→ Brief
In the listing below, the lines from the first through the one with "door_2_placement = place(opening_2_placement, origin())" are to be copied word for word.
++++++++
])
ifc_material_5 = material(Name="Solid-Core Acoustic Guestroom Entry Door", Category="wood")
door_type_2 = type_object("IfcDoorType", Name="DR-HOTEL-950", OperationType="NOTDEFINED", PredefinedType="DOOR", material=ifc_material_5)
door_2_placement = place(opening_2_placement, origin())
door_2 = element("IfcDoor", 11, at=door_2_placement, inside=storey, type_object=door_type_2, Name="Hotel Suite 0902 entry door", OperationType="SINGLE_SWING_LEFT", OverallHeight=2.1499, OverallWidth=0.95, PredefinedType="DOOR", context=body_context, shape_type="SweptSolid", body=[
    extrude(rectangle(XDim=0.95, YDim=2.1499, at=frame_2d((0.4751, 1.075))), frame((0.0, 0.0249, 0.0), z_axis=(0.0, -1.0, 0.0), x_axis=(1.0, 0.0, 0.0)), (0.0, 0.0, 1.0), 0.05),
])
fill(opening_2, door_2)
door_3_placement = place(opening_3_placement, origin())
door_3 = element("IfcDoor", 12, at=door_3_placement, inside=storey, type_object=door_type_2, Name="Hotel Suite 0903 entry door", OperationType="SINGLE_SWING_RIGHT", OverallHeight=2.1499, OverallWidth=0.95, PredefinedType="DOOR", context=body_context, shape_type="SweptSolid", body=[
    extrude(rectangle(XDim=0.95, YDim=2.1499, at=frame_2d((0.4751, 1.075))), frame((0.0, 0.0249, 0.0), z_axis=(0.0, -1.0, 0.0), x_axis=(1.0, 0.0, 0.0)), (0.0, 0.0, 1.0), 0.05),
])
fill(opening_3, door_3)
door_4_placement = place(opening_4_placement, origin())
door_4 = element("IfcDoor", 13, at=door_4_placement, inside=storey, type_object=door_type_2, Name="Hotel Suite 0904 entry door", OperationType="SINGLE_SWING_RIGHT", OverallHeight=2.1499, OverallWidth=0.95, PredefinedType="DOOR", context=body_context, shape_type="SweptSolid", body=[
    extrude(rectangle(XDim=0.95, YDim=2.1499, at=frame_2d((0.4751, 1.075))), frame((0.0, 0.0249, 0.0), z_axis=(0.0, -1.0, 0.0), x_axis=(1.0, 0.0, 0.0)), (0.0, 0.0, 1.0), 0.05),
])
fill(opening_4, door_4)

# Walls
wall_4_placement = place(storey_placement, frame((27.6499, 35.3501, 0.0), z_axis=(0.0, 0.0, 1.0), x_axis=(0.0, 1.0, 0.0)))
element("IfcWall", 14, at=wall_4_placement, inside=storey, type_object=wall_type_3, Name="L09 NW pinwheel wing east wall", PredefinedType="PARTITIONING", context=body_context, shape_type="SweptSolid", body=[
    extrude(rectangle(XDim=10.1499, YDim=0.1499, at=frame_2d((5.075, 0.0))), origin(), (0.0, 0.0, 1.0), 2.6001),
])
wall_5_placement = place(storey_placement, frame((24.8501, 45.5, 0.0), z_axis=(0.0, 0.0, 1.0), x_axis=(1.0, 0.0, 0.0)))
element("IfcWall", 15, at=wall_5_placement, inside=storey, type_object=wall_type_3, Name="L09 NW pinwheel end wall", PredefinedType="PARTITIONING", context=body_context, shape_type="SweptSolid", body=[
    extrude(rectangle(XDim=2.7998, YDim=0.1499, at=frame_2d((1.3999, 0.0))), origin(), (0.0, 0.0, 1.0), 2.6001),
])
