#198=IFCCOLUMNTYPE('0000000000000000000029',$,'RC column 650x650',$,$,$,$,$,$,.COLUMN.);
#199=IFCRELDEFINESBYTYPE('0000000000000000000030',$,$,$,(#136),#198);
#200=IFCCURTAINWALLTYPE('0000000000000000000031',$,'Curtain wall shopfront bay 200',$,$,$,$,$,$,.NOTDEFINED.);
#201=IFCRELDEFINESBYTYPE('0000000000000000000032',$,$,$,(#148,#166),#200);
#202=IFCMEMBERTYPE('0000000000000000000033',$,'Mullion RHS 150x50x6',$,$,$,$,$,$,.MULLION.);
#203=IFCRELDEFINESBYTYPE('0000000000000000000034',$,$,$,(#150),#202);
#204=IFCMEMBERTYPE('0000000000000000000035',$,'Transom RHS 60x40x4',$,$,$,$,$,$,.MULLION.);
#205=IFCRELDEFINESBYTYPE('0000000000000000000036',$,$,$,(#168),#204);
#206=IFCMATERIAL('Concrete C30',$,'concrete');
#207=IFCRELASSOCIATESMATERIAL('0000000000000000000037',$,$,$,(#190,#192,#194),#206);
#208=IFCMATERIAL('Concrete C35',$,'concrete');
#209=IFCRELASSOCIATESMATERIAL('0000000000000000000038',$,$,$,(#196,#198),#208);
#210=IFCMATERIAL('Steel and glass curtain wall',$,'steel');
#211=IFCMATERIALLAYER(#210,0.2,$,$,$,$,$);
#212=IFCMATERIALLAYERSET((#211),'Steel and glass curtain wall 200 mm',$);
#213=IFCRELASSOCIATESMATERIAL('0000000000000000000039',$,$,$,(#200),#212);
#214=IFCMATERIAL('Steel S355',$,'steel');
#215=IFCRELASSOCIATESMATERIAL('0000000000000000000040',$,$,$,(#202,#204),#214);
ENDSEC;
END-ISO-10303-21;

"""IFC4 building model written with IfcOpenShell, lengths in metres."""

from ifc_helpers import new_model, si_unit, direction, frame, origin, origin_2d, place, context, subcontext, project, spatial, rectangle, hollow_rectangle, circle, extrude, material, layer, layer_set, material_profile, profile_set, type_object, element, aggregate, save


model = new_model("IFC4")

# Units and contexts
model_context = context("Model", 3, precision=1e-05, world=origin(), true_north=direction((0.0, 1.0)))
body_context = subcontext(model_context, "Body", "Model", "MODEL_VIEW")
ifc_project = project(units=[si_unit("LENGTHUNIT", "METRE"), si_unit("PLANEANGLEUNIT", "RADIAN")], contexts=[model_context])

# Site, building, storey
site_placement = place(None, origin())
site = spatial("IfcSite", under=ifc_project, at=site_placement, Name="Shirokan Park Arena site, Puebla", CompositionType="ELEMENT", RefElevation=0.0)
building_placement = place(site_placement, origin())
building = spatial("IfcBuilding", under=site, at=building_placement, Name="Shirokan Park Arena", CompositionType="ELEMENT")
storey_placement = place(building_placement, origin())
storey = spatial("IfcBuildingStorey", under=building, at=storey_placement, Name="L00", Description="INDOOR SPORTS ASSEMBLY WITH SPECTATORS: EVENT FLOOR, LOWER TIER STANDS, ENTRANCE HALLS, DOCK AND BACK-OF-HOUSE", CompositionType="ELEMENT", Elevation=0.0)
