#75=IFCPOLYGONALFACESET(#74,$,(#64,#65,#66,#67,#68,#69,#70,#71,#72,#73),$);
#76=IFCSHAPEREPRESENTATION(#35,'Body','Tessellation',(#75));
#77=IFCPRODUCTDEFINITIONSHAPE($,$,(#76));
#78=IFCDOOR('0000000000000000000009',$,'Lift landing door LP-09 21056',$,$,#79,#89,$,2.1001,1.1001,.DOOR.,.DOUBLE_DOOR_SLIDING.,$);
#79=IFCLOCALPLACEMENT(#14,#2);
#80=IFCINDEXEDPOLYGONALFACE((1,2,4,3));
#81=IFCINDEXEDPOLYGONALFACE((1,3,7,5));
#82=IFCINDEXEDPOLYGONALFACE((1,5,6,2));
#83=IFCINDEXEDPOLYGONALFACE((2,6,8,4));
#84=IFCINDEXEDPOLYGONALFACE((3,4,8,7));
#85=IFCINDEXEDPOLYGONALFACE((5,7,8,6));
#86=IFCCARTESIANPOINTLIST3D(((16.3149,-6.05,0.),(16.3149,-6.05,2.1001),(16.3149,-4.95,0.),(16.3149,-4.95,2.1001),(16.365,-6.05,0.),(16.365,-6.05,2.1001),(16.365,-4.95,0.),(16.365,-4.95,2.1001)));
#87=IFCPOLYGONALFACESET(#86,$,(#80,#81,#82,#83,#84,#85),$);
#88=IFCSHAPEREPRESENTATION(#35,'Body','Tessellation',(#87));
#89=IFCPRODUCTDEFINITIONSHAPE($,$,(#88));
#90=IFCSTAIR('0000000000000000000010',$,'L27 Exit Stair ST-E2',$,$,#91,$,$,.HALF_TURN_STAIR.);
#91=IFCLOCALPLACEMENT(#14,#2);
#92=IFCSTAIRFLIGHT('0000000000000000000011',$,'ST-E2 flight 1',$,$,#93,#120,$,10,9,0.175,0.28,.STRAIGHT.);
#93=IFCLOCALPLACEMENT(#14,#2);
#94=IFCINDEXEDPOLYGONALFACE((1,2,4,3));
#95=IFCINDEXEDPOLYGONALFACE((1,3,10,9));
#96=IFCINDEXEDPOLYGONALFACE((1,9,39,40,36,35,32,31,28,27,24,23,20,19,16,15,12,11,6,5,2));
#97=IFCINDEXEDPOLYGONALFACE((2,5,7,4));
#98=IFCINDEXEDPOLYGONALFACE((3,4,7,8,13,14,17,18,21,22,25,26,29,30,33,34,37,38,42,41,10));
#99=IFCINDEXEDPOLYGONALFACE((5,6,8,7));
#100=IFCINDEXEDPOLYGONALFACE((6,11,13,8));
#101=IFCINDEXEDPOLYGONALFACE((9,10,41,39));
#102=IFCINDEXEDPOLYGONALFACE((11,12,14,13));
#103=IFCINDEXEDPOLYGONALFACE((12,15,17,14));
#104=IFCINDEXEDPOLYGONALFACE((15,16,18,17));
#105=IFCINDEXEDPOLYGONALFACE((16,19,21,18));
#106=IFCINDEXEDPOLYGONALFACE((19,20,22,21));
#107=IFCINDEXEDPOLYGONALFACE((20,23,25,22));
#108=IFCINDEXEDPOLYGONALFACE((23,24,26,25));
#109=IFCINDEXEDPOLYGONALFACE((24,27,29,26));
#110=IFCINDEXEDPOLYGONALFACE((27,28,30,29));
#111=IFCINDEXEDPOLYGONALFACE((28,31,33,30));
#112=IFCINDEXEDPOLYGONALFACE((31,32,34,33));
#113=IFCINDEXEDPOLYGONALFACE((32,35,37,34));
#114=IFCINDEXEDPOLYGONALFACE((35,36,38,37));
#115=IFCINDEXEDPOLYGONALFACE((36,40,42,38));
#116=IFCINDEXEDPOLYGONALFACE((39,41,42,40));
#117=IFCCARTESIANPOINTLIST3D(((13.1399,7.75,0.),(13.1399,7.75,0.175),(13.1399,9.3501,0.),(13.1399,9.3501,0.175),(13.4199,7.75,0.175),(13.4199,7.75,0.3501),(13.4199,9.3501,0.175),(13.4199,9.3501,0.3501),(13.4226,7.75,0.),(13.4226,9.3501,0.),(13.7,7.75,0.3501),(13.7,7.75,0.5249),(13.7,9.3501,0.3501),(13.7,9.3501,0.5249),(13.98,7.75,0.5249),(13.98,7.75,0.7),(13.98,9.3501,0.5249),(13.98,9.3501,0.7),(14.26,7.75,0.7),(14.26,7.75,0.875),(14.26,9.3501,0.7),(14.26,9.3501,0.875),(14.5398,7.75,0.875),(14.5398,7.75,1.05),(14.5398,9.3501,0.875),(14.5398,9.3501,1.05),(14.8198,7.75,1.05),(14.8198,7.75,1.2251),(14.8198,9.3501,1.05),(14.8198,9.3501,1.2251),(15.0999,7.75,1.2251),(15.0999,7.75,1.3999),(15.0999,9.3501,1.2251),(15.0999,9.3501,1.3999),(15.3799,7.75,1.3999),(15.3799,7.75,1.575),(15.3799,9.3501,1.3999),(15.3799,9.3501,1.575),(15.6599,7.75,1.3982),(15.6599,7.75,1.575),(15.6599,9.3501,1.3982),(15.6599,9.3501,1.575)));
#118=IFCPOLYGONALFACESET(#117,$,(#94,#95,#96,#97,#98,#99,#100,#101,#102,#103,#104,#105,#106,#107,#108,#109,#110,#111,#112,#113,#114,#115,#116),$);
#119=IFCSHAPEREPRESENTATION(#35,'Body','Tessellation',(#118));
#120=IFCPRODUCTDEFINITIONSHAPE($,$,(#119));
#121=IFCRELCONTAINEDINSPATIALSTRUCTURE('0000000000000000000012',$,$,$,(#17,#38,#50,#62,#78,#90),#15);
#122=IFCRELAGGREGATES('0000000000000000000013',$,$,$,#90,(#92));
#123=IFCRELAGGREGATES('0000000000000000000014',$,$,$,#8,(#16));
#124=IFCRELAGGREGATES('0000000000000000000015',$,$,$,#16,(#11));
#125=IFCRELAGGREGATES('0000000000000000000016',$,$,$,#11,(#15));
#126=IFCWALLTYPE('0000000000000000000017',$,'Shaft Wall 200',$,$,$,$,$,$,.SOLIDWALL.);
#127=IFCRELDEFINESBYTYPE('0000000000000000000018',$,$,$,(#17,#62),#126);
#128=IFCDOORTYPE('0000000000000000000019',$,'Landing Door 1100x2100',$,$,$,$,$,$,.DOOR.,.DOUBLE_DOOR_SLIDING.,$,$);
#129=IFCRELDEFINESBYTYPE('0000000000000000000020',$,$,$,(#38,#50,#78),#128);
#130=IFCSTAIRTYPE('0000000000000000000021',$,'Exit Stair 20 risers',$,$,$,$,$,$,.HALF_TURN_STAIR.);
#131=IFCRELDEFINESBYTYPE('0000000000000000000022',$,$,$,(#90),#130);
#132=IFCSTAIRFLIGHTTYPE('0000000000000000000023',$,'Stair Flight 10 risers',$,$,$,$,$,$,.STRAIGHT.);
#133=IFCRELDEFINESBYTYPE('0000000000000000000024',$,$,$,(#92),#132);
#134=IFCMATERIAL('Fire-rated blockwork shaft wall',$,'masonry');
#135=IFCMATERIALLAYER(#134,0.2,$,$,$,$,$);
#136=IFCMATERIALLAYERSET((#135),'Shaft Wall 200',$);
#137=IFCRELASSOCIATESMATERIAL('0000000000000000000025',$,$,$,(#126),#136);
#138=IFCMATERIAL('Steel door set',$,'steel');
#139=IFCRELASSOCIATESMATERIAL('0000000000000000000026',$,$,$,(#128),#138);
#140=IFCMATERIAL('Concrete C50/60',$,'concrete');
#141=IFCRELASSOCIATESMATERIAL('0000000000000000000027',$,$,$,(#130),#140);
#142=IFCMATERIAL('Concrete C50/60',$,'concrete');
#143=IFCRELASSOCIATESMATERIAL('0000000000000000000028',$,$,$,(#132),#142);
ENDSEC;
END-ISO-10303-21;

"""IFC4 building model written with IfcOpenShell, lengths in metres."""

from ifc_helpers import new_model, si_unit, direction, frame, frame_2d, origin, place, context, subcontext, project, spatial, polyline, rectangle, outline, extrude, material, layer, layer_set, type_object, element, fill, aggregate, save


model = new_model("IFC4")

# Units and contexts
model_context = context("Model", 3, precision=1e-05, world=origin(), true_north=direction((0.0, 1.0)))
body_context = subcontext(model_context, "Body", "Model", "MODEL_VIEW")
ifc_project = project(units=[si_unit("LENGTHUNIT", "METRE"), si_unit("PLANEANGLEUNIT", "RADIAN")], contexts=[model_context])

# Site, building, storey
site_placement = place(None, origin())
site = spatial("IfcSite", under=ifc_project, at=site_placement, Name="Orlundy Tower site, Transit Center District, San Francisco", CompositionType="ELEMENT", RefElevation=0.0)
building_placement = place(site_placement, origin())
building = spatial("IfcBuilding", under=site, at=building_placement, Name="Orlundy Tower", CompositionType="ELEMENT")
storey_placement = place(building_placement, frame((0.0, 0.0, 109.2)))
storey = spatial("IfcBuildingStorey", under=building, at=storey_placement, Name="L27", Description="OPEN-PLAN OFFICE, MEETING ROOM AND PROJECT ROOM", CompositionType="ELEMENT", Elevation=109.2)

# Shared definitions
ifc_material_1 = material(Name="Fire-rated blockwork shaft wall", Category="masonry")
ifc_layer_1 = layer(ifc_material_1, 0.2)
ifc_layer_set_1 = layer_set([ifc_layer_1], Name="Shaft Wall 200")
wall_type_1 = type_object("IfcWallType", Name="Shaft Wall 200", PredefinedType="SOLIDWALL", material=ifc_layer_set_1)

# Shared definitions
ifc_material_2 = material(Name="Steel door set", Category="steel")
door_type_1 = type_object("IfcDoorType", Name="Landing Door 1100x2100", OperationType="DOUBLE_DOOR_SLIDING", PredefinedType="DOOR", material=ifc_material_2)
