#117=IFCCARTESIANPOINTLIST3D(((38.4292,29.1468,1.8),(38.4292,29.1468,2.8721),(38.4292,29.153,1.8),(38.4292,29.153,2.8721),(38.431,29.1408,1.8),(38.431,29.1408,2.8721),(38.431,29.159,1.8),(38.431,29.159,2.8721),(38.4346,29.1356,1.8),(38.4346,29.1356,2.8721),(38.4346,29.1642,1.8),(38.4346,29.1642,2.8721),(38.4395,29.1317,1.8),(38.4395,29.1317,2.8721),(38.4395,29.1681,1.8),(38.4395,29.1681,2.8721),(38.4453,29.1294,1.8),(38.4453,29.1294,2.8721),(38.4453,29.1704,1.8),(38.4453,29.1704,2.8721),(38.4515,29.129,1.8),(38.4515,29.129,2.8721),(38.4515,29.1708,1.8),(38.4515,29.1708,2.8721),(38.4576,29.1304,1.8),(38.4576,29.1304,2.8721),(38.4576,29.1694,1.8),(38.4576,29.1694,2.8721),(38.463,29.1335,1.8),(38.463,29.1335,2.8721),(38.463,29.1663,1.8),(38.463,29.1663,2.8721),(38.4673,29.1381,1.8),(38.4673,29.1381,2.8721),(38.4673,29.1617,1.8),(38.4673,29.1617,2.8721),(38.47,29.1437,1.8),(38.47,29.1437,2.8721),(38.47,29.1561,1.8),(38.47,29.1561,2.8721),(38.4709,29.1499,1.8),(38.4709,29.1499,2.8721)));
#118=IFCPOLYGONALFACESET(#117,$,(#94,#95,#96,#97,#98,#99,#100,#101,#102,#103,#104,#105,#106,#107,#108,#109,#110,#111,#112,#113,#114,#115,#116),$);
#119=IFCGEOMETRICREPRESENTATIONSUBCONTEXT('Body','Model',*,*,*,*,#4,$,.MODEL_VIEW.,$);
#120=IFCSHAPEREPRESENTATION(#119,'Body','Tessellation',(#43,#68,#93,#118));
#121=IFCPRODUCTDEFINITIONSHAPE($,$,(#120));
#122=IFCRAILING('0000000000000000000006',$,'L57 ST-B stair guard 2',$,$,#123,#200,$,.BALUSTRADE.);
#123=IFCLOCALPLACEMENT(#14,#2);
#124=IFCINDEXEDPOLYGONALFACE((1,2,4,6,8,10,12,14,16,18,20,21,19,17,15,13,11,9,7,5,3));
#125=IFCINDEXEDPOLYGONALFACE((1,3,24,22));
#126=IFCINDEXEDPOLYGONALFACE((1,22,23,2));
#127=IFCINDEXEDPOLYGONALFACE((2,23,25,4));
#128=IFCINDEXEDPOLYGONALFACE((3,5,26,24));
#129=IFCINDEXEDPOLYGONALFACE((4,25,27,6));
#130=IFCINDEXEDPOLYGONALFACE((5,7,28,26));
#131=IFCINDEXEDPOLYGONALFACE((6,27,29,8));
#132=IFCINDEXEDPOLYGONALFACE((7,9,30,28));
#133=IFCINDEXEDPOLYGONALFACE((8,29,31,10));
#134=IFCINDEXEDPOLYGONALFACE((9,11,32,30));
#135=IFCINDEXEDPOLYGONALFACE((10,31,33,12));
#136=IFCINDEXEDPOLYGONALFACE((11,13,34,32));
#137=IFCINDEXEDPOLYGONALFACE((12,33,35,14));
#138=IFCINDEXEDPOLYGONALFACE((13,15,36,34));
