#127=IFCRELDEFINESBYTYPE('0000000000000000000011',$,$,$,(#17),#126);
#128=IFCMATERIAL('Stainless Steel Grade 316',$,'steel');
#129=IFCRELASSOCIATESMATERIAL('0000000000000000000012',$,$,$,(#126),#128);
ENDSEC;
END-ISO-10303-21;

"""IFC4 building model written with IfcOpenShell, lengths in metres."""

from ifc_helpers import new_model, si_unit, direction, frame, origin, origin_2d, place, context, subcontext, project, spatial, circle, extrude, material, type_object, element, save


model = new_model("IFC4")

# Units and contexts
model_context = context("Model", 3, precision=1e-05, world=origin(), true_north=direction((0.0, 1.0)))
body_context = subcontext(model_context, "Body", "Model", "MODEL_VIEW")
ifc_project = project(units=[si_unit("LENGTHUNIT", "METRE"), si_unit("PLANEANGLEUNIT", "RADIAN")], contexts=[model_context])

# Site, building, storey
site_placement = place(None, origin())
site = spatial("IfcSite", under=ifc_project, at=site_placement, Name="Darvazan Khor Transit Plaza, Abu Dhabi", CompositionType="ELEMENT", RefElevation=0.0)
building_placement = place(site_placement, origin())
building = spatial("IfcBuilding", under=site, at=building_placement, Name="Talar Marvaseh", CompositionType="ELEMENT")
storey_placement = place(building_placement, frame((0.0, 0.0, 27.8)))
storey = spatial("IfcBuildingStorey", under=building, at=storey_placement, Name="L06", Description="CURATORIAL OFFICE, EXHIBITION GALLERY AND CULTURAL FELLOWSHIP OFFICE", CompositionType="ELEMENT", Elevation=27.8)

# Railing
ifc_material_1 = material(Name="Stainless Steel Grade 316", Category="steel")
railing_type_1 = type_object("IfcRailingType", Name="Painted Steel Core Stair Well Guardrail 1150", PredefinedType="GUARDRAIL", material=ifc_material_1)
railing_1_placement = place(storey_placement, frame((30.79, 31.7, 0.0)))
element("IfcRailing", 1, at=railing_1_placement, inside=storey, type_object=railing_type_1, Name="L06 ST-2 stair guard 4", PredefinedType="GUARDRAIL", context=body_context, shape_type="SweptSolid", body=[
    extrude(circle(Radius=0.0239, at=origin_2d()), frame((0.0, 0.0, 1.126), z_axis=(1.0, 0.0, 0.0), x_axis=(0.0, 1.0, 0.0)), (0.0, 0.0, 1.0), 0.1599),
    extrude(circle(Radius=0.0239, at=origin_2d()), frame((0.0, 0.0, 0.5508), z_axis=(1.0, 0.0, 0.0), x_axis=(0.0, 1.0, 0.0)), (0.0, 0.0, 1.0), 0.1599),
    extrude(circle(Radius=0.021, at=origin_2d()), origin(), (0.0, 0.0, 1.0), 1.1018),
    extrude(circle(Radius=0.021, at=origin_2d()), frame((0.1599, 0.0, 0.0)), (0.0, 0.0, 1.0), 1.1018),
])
++++++++
→ Task answer
])
ifc_material_5 = material(Name="Solid-Core Acoustic Guestroom Entry Door", Category="wood")
door_type_2 = type_object("IfcDoorType", Name="DR-HOTEL-950", OperationType="NOTDEFINED", PredefinedType="DOOR", material=ifc_material_5)
door_2_placement = place(opening_2_placement, origin())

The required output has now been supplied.